Collection entries:

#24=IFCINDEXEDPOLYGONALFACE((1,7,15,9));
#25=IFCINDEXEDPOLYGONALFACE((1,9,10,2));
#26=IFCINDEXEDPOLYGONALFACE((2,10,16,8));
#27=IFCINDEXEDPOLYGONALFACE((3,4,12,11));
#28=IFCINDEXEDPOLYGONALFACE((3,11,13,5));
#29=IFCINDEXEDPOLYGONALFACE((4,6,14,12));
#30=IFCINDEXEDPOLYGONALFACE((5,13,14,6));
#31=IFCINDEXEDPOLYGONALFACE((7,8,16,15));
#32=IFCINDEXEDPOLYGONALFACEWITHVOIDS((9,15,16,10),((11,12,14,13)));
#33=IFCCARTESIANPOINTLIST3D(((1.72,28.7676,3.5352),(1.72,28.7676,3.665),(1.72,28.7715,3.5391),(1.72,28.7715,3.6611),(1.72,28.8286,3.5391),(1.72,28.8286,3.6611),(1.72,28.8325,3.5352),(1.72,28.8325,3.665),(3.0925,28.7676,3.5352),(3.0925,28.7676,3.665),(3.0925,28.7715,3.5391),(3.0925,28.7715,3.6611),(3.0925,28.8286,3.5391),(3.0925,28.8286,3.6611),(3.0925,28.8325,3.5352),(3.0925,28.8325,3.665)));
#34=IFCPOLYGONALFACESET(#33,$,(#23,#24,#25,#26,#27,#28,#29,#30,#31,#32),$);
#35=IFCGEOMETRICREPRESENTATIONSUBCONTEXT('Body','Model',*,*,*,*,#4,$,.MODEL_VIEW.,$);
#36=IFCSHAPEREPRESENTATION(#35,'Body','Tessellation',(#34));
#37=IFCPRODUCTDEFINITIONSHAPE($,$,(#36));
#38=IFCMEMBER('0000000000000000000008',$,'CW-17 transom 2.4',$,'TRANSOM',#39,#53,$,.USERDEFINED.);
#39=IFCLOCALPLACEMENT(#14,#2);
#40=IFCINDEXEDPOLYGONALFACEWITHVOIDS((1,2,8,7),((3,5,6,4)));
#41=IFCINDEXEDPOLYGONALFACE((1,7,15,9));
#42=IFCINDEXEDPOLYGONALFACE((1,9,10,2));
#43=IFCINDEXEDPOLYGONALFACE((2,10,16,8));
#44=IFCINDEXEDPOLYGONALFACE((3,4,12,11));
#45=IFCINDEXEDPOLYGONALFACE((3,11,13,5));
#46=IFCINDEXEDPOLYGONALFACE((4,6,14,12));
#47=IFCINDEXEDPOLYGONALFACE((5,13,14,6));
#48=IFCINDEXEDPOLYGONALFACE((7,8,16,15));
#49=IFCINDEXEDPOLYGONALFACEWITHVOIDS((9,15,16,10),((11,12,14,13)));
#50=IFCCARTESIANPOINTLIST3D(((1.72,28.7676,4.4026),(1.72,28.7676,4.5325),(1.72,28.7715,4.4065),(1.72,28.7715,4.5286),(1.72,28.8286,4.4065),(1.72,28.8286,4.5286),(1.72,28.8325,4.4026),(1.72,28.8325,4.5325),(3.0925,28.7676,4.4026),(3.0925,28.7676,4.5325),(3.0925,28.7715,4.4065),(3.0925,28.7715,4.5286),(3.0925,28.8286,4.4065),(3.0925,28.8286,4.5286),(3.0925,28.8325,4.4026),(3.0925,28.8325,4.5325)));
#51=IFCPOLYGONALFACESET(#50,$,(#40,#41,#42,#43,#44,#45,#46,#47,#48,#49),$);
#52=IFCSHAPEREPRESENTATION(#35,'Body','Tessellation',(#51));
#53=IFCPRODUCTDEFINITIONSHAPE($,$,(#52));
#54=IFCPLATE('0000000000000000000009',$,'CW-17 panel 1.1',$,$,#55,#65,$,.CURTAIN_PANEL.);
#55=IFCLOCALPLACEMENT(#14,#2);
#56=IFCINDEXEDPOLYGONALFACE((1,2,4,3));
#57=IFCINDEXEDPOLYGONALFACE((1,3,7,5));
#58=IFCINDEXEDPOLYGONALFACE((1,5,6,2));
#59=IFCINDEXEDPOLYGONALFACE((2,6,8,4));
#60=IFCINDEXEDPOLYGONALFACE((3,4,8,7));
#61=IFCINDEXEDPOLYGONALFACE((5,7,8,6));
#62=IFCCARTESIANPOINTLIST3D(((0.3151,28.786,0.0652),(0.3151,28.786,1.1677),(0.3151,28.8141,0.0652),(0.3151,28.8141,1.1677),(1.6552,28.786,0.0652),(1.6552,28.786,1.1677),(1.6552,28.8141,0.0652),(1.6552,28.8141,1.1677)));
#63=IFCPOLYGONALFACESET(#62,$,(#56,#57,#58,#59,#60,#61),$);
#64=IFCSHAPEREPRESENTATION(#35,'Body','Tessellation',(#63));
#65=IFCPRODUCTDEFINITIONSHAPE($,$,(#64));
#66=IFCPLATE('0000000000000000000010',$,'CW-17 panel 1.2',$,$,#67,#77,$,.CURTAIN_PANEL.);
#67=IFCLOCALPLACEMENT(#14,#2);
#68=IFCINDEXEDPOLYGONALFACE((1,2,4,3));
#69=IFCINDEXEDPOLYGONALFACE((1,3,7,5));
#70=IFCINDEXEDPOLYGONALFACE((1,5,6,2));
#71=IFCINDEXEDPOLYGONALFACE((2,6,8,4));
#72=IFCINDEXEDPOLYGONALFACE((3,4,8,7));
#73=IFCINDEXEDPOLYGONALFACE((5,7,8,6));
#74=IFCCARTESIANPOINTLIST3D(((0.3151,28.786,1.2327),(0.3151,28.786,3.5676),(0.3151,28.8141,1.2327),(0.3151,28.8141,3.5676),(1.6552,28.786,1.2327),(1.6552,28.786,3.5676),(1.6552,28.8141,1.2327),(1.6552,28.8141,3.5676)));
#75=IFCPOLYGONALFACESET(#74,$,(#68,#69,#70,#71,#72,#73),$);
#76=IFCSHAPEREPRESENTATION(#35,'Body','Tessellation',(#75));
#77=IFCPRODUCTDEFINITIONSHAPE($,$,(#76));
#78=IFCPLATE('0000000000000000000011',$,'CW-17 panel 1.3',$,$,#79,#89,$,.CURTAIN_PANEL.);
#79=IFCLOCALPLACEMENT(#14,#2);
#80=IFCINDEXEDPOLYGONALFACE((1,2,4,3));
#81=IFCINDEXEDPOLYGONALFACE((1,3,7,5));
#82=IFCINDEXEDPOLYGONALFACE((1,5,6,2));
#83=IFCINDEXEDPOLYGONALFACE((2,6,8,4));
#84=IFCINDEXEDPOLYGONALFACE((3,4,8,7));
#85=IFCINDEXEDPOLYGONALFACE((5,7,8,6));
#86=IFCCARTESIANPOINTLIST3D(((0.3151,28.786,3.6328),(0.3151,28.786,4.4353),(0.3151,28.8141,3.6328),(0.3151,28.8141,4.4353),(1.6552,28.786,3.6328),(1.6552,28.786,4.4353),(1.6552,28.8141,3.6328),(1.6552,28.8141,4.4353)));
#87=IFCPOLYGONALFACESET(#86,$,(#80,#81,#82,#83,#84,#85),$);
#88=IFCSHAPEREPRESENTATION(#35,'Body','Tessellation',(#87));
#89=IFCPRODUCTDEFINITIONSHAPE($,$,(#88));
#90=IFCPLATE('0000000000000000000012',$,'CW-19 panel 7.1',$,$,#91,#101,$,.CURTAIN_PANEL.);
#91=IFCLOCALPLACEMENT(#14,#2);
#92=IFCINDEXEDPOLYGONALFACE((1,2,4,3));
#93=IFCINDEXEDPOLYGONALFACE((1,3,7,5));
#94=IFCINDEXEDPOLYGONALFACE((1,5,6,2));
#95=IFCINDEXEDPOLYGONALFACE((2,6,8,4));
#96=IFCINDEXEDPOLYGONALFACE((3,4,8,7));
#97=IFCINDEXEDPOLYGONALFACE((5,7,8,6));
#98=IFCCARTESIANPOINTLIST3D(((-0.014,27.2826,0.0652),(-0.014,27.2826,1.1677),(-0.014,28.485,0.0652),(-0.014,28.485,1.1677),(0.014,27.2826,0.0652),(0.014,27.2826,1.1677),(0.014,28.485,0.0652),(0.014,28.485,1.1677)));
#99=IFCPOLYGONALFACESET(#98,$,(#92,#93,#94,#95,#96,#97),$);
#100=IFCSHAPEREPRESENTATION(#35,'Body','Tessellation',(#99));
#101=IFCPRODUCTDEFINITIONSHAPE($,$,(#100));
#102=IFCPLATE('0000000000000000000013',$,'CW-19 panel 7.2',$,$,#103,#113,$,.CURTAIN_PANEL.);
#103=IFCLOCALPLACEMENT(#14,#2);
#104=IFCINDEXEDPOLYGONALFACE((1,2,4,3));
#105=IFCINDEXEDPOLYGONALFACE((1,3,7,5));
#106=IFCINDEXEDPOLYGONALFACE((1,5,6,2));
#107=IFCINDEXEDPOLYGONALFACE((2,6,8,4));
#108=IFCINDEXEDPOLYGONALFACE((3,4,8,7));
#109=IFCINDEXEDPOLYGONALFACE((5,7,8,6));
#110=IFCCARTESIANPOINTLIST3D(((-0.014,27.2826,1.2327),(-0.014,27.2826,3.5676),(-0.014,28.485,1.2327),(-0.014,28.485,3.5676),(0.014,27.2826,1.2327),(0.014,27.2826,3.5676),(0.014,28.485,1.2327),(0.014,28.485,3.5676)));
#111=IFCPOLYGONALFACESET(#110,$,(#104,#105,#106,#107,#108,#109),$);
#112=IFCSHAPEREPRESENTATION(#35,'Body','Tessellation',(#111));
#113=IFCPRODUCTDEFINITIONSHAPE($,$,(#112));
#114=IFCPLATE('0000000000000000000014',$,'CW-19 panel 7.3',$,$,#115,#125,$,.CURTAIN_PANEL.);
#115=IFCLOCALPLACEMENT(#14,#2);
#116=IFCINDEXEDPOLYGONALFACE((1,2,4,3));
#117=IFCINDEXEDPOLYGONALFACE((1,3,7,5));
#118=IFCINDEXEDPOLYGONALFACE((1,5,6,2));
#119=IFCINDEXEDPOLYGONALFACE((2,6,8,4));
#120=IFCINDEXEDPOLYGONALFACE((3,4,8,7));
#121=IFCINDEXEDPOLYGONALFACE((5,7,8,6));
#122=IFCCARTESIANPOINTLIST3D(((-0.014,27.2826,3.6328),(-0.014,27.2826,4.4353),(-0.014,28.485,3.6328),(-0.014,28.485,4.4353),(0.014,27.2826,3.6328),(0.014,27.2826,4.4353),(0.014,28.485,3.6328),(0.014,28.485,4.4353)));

Work to complete: From the entries above, work out the number of lines containing the string "Body" and give that number by itself.

Reply to the exercise: 8